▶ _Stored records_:
--- START ---
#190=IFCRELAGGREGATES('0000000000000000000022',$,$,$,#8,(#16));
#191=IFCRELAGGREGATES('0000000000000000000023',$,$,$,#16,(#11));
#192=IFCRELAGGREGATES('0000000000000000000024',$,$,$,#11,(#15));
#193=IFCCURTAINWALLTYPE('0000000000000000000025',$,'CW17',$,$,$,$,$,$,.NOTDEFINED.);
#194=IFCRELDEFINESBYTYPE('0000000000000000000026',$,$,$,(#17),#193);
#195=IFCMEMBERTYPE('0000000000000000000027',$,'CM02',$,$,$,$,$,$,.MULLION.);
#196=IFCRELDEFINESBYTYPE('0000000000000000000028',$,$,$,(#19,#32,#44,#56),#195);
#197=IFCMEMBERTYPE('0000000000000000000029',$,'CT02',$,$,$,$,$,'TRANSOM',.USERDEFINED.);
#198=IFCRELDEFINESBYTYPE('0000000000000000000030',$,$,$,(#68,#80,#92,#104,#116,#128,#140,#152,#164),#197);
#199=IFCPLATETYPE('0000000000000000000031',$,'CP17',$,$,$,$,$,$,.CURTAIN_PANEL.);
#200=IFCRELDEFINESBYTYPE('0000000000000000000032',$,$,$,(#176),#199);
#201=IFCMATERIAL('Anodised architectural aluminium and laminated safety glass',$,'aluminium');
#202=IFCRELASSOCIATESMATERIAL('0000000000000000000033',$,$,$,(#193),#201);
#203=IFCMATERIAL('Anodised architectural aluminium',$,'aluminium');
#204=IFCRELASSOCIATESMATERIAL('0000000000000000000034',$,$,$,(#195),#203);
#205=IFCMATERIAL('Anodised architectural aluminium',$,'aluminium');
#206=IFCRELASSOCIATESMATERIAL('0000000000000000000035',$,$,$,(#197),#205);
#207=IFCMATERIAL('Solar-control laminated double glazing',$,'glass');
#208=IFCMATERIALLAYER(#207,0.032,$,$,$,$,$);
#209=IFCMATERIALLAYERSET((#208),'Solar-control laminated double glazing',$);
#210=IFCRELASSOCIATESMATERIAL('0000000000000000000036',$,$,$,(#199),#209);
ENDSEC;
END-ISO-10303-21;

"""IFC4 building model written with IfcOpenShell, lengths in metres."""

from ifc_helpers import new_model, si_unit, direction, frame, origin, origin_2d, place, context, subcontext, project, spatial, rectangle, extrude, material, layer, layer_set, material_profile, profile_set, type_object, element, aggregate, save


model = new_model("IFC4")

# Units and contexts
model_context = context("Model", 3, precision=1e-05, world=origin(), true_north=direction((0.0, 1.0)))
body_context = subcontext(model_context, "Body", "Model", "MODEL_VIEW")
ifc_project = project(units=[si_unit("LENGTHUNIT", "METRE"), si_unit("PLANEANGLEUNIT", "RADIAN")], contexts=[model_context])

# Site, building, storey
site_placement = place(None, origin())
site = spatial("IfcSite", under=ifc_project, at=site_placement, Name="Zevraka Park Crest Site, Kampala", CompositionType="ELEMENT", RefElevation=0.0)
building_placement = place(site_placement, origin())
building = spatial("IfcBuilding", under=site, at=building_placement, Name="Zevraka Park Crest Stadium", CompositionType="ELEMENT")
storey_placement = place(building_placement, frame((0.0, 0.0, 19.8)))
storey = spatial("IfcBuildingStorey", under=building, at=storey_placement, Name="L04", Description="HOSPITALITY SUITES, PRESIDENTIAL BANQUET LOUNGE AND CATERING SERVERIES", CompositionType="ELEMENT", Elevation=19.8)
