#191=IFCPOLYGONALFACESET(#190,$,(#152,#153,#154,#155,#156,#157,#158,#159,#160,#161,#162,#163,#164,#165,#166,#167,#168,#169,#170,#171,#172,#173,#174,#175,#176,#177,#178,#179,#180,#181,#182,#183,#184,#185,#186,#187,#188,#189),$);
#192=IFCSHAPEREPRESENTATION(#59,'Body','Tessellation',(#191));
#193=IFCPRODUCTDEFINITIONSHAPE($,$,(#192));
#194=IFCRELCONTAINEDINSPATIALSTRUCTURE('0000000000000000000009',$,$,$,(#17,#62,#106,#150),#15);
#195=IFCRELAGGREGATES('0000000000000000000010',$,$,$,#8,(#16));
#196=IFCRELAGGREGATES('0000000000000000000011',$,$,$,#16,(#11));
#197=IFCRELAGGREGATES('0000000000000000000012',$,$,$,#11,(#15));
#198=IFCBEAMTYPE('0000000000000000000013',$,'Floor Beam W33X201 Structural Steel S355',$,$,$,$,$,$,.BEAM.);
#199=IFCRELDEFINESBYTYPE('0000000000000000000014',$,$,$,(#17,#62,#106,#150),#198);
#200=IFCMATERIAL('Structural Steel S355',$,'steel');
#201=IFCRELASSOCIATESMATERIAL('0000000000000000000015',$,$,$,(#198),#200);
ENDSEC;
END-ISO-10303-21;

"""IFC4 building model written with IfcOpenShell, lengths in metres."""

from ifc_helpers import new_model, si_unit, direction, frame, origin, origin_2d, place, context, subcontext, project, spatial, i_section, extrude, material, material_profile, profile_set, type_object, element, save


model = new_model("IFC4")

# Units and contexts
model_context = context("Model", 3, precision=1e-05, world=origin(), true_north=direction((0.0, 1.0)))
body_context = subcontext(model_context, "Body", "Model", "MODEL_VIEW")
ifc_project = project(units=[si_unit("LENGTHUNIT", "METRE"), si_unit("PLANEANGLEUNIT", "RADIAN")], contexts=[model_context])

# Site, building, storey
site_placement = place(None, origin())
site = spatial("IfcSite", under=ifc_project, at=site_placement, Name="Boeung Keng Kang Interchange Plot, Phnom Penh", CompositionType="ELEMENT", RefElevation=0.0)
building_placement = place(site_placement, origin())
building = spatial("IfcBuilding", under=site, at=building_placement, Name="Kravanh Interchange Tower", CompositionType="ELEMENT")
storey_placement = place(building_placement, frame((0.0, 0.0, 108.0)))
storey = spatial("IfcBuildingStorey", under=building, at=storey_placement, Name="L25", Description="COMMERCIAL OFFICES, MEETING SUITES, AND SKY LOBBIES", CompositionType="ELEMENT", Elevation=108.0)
--- END ---
▶ _WHAT IS BEING ASKED_:
Please show, exactly as written, every line above that contains the word "extrude".

▶ _WRITTEN RESPONSE_:
from ifc_helpers import new_model, si_unit, direction, frame, origin, origin_2d, place, context, subcontext, project, spatial, rectangle, extrude, material, layer, layer_set, material_profile, profile_set, type_object, element, aggregate, save
from ifc_helpers import new_model, si_unit, direction, frame, origin, origin_2d, place, context, subcontext, project, spatial, i_section, extrude, material, material_profile, profile_set, type_object, element, save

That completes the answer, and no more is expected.